*EXERCISE AIM*: Show every line below where "save" can be found.

*STUDY MATERIAL*:
━━━━━━━━━━━━━━━━━━━━
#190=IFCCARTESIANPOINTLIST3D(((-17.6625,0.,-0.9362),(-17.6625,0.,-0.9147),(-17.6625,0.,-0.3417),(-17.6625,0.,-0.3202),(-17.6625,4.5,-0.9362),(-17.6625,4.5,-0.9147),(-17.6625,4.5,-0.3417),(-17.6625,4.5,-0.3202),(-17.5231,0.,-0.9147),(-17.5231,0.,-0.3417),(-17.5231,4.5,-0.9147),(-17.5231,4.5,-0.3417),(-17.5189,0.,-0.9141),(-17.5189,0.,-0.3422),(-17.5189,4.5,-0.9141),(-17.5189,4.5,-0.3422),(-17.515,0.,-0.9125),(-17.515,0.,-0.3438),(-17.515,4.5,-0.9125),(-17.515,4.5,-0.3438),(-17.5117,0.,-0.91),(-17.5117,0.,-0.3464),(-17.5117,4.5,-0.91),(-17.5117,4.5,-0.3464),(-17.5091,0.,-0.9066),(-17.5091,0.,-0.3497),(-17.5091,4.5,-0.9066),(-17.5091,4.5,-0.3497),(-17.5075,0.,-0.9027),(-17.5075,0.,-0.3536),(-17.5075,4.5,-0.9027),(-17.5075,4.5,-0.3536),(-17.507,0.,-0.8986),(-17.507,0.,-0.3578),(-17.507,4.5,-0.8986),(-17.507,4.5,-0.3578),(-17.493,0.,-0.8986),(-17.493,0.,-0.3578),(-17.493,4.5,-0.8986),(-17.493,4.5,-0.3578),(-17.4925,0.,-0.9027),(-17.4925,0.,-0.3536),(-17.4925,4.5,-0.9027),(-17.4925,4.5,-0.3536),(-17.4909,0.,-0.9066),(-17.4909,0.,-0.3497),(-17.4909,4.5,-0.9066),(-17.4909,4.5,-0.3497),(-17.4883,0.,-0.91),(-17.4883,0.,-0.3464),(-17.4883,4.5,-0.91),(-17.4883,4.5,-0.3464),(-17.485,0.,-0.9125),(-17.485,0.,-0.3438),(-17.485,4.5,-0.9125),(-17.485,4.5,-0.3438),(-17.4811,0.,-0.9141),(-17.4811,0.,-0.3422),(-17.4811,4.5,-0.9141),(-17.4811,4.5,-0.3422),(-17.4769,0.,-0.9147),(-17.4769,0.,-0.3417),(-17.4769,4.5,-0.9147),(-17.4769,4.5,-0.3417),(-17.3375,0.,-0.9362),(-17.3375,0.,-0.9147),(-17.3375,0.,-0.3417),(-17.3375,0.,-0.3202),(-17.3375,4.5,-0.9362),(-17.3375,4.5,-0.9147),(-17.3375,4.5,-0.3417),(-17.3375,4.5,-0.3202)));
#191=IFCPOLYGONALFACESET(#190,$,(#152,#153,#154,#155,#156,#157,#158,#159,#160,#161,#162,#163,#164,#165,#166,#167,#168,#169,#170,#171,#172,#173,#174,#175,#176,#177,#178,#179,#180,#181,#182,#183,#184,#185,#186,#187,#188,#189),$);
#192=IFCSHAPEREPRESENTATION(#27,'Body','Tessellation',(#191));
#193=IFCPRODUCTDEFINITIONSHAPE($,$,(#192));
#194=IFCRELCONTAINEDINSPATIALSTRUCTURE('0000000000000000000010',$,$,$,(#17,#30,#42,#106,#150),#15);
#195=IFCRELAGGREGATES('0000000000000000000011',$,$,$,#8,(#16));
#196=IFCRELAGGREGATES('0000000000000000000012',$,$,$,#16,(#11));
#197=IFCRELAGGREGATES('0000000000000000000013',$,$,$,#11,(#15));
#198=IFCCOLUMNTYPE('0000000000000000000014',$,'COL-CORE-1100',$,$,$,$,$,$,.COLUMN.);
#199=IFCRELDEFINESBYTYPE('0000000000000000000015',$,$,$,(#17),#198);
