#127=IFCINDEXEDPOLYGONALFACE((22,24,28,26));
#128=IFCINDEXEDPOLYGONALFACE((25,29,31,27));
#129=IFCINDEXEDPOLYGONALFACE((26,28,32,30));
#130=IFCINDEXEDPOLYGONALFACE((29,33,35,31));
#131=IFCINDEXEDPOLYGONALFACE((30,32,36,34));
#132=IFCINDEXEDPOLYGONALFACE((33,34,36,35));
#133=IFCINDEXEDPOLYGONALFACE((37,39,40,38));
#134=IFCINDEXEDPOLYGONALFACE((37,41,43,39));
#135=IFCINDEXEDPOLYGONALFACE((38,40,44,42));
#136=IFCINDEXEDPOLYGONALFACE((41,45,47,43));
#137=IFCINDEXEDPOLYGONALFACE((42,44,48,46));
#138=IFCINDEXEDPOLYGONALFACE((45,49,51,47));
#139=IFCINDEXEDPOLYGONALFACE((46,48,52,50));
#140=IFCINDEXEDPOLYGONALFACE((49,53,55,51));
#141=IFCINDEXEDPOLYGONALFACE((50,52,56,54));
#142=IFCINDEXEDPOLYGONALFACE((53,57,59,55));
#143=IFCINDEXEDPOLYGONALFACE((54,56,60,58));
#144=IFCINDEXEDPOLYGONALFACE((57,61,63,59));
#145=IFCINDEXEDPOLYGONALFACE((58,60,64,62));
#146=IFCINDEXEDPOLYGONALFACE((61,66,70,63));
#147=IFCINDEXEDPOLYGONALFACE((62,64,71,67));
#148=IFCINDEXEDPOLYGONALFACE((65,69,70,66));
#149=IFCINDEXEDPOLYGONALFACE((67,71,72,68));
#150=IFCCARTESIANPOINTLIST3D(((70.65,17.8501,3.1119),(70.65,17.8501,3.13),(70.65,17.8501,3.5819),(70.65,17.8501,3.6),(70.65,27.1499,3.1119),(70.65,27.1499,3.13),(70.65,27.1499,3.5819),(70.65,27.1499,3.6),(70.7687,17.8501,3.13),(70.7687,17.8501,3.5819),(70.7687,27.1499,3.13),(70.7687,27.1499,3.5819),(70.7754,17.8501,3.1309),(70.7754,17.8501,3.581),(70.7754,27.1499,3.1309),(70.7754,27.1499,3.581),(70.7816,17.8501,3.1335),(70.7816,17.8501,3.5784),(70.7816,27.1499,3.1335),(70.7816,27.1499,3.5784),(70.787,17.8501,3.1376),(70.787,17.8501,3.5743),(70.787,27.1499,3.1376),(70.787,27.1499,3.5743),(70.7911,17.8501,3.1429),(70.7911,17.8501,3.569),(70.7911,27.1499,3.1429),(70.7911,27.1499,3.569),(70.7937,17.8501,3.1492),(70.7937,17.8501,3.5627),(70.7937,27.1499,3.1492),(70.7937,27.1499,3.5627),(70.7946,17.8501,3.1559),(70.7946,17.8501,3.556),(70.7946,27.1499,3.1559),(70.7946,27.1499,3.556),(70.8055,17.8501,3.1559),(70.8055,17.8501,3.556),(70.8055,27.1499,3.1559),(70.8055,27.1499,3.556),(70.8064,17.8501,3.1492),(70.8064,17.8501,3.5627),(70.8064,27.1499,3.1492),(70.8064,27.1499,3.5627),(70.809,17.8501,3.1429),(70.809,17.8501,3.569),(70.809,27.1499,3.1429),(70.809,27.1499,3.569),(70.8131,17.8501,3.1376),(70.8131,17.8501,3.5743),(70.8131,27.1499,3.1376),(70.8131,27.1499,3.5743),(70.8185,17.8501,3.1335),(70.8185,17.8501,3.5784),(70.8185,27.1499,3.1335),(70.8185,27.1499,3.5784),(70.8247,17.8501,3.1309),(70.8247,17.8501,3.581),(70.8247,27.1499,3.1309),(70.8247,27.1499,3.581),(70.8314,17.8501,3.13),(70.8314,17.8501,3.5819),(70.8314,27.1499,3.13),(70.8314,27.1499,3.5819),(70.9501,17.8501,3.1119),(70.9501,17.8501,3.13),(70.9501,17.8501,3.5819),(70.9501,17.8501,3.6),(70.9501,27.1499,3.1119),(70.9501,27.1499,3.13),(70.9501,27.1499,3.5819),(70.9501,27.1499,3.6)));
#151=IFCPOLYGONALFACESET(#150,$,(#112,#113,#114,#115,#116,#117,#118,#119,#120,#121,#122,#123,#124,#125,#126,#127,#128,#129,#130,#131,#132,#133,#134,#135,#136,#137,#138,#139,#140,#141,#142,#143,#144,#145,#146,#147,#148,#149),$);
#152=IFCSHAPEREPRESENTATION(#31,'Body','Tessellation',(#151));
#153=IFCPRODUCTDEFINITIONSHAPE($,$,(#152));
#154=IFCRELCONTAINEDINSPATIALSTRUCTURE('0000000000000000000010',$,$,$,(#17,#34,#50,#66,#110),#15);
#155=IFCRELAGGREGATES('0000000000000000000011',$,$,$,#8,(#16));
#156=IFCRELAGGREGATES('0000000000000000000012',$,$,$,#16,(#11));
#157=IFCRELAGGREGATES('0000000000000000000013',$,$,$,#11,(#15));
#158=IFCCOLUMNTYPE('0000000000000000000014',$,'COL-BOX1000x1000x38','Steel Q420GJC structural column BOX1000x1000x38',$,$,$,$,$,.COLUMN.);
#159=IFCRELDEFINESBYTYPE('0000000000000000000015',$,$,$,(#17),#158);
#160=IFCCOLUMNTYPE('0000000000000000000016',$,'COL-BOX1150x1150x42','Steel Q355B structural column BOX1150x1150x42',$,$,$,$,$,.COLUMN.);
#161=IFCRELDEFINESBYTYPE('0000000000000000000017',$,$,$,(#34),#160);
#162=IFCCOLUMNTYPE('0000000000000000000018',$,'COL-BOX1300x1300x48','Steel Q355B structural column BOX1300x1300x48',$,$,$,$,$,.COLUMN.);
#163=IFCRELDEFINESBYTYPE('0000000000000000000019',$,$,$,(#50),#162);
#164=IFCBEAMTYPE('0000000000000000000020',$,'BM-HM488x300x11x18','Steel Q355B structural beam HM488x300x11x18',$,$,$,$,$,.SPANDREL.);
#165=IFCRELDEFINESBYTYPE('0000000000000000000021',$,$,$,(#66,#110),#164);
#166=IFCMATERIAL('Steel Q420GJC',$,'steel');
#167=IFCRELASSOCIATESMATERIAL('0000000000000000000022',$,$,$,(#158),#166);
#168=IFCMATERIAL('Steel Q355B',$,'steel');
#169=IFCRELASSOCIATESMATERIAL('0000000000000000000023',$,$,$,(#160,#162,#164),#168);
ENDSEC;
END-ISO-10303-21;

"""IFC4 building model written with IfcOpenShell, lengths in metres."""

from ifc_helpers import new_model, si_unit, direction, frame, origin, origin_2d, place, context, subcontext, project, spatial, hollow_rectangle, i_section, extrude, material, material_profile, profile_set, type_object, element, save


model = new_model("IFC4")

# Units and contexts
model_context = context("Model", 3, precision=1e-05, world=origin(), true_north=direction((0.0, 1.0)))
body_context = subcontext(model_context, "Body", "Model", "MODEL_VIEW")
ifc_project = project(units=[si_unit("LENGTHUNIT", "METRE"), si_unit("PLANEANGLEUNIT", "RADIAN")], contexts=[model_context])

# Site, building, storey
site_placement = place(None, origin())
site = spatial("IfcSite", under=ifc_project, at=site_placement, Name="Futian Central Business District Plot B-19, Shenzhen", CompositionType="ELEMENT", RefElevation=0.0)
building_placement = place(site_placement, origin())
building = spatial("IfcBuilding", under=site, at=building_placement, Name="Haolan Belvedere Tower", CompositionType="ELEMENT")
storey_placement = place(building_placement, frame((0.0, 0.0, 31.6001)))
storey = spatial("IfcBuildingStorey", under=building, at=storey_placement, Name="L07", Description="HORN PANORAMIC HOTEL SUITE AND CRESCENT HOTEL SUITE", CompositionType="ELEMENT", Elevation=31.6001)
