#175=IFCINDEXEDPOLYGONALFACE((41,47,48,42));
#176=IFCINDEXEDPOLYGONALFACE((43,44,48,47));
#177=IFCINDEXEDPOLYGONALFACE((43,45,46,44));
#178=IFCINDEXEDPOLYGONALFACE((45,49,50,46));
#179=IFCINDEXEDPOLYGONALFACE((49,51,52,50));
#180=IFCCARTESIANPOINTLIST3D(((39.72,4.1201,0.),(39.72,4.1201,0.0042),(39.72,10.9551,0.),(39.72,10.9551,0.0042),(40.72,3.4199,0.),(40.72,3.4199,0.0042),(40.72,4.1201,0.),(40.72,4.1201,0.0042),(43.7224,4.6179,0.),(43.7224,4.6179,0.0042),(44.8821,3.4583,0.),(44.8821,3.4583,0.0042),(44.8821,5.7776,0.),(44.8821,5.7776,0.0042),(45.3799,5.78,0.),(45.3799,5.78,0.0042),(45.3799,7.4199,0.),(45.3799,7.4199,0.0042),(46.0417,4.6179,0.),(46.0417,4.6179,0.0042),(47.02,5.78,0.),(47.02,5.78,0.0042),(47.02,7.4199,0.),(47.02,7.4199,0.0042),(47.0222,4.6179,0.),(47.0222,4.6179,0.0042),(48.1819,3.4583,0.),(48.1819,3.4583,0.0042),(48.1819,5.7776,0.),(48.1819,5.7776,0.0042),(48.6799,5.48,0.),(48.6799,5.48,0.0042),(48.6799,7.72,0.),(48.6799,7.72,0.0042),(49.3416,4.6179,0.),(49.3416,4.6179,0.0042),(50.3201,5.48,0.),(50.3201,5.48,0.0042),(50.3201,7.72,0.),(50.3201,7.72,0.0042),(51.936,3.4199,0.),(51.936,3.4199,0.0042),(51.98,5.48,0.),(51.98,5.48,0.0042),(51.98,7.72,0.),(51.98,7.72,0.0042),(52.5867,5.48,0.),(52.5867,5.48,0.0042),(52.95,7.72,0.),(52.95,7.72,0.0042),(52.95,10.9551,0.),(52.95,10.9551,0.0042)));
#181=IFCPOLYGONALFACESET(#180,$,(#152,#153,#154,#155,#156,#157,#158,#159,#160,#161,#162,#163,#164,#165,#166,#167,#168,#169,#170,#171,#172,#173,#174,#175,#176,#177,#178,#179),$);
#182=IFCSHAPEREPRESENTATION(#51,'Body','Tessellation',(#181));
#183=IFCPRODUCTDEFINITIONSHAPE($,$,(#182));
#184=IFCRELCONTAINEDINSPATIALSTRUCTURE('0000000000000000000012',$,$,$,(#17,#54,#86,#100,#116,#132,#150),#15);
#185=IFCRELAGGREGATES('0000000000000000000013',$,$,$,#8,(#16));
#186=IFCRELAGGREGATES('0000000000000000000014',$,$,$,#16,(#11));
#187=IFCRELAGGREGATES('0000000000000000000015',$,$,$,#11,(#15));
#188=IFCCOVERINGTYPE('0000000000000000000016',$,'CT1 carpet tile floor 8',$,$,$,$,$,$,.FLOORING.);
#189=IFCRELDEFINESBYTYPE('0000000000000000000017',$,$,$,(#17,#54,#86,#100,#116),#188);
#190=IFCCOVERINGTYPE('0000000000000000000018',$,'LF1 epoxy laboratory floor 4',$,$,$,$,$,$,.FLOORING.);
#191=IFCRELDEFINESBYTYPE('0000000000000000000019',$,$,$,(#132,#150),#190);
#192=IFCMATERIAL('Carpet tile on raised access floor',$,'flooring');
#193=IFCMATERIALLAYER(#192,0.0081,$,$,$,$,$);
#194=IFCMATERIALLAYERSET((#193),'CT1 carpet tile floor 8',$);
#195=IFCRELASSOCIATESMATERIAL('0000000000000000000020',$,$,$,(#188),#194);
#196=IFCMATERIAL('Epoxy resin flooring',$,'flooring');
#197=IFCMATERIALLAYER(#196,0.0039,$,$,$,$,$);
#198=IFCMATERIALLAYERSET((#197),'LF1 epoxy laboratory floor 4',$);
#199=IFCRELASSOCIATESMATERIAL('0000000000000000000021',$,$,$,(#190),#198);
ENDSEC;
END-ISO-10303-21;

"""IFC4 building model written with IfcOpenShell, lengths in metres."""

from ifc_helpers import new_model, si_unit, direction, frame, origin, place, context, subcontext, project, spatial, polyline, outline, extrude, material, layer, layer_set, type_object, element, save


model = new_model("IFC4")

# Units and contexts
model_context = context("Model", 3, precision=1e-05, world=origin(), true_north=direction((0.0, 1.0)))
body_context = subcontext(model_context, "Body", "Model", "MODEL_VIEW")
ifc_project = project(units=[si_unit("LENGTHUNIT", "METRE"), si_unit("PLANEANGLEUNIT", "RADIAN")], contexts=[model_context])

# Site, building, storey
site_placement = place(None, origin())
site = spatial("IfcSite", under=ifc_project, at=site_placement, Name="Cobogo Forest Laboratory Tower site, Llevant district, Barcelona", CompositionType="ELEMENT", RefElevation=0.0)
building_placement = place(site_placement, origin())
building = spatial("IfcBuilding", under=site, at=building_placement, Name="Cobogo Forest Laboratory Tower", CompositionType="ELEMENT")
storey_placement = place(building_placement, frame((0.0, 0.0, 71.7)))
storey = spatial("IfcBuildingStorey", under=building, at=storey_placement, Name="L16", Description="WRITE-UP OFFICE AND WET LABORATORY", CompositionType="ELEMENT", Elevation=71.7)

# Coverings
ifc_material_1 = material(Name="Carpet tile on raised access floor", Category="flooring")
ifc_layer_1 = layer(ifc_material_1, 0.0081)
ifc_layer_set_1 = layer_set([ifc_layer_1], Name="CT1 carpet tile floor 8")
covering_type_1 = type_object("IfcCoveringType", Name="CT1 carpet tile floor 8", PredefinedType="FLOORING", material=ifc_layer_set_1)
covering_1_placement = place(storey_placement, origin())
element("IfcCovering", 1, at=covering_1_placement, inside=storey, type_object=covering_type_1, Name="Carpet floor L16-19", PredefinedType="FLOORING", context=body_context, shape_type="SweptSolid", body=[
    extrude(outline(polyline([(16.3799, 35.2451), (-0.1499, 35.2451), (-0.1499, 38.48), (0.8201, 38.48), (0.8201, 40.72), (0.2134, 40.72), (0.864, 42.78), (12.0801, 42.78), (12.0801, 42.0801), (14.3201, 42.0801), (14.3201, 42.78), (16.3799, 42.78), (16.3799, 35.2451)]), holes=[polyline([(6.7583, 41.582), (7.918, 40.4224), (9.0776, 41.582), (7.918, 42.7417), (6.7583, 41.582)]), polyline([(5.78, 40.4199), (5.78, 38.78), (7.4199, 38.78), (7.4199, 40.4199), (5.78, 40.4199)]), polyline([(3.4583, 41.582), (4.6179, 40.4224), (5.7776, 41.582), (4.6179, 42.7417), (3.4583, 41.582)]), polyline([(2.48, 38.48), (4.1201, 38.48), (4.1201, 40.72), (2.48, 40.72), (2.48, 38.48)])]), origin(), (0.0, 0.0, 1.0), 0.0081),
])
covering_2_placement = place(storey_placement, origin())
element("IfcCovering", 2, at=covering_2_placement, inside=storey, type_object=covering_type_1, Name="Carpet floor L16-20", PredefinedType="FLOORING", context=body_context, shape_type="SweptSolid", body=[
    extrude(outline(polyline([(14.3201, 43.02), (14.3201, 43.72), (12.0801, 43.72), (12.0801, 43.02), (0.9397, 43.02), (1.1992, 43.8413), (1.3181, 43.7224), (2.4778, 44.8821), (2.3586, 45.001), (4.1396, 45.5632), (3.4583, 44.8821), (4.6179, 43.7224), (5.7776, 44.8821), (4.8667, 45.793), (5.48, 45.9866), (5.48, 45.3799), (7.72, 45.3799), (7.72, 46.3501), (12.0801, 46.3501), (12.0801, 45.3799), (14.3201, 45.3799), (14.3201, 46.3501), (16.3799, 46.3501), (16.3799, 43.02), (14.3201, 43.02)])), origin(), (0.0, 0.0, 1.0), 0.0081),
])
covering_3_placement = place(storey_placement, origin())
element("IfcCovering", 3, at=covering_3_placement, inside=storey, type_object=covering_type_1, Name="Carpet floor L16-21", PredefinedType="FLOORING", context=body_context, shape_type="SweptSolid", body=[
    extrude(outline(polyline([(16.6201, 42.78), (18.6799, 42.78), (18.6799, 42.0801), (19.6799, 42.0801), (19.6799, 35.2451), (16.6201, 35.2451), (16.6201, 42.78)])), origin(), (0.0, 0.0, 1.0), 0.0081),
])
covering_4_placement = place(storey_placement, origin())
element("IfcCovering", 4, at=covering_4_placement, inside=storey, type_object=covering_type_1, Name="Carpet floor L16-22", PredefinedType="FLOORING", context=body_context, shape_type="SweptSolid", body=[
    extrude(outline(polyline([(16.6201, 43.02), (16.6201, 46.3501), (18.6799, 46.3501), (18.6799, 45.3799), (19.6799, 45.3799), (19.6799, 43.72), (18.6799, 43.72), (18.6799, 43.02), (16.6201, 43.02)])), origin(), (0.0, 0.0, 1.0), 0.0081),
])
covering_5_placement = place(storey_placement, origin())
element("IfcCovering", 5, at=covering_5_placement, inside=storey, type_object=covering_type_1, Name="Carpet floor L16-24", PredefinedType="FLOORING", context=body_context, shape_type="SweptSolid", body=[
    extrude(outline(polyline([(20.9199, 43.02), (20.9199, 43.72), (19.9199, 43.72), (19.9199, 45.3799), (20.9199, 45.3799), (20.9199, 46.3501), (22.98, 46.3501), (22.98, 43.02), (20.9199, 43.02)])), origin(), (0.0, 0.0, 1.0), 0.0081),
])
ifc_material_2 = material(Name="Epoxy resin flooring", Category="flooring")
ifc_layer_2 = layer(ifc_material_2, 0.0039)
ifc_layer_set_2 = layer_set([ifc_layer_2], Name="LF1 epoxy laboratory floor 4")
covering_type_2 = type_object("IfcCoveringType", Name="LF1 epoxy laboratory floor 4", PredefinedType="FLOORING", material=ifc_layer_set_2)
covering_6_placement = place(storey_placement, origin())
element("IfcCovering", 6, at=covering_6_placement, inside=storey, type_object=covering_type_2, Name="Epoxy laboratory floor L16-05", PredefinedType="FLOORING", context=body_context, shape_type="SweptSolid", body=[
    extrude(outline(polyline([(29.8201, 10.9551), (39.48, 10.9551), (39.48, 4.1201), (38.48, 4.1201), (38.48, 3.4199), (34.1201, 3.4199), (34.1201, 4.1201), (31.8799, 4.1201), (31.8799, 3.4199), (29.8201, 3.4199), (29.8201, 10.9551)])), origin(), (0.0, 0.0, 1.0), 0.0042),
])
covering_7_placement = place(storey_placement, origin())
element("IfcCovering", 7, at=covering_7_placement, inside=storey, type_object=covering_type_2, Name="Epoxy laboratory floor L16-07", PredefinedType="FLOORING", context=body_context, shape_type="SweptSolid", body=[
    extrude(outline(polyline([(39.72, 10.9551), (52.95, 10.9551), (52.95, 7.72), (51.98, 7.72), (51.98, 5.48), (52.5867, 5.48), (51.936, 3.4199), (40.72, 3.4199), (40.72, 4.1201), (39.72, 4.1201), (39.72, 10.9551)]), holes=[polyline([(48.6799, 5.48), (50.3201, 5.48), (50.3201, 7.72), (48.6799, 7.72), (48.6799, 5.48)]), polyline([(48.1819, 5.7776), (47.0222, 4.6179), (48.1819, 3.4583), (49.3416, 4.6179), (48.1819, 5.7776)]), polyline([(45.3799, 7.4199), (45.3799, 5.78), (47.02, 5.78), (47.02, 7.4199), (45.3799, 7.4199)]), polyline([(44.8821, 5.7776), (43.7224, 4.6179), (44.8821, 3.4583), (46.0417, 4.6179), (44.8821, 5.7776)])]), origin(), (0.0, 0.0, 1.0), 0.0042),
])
━━━━━━━━━━━━━━━━━━━━
*SOLUTION BELOW*:
from ifc_helpers import new_model, si_unit, direction, frame, origin, origin_2d, place, context, subcontext, project, spatial, hollow_rectangle, i_section, extrude, material, material_profile, profile_set, type_object, element, save
from ifc_helpers import new_model, si_unit, direction, frame, origin, place, context, subcontext, project, spatial, polyline, outline, extrude, material, layer, layer_set, type_object, element, save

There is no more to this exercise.